Could you count the lines in the data that contain "IFCRELAGGREGATES"? Reply with the number only.

++++ Materials provided ++++

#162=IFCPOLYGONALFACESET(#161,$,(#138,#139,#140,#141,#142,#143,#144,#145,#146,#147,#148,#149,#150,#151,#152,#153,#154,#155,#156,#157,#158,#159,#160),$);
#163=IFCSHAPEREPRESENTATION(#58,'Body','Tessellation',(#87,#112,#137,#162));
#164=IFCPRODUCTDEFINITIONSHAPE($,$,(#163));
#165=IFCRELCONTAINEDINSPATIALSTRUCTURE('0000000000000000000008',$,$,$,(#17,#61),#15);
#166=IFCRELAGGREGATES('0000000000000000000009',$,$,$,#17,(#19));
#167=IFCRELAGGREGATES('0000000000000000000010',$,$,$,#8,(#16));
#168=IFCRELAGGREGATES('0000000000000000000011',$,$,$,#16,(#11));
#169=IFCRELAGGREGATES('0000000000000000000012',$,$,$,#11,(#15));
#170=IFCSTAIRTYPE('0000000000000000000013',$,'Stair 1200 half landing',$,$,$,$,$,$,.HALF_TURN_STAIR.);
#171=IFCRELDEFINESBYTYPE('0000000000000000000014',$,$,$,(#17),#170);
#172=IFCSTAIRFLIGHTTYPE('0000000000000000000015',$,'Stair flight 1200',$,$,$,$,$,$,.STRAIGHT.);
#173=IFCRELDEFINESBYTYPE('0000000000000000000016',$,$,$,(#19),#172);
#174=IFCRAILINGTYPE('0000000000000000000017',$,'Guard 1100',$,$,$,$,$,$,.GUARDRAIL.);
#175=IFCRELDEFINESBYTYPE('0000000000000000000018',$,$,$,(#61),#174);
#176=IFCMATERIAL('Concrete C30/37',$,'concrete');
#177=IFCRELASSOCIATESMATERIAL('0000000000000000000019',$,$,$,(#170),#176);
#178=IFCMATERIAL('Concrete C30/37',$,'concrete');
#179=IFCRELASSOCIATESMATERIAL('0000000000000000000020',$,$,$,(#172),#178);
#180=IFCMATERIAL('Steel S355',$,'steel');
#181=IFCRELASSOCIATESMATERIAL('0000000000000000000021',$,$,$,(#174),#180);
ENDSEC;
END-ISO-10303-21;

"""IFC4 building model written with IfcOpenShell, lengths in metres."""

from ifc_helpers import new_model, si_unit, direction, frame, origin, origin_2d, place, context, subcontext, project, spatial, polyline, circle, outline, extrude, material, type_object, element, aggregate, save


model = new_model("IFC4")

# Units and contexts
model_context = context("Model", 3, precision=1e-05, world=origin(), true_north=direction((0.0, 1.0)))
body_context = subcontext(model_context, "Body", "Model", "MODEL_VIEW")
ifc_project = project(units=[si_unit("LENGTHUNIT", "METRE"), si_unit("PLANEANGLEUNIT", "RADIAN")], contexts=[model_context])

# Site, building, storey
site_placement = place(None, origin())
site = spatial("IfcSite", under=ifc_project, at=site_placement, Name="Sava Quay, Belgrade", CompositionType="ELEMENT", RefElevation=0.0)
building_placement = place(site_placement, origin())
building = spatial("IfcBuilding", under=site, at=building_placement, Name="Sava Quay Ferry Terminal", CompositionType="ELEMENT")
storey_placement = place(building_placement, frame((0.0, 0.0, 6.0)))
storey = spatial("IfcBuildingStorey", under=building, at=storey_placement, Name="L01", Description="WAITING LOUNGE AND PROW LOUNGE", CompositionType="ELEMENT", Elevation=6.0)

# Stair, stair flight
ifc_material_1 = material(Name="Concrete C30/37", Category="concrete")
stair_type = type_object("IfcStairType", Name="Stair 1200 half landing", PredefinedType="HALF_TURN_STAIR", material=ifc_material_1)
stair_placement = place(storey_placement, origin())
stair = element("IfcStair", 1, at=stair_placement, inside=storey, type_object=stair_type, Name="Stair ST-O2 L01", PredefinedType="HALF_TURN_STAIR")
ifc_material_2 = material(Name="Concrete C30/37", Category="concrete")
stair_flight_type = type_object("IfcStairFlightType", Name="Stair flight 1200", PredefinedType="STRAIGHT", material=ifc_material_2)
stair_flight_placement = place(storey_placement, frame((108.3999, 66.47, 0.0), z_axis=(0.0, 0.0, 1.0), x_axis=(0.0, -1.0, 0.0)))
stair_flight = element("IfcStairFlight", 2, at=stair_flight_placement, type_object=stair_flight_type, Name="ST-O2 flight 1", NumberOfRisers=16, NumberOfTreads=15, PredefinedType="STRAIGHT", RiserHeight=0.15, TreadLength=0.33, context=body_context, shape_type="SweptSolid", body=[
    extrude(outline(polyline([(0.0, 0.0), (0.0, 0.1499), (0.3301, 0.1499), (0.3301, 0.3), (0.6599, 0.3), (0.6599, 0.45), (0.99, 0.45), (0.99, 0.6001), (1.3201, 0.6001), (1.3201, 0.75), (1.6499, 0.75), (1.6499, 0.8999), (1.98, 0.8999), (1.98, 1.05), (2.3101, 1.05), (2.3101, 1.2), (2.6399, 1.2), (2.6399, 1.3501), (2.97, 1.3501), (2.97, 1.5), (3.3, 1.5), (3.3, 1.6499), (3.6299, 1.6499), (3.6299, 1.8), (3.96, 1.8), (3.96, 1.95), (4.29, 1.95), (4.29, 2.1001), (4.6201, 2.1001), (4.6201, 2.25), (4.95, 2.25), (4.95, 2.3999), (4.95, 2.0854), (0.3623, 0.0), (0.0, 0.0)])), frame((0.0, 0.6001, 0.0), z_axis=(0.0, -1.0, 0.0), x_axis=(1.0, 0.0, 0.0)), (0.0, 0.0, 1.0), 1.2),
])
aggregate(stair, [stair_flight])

++++

Answer box: 4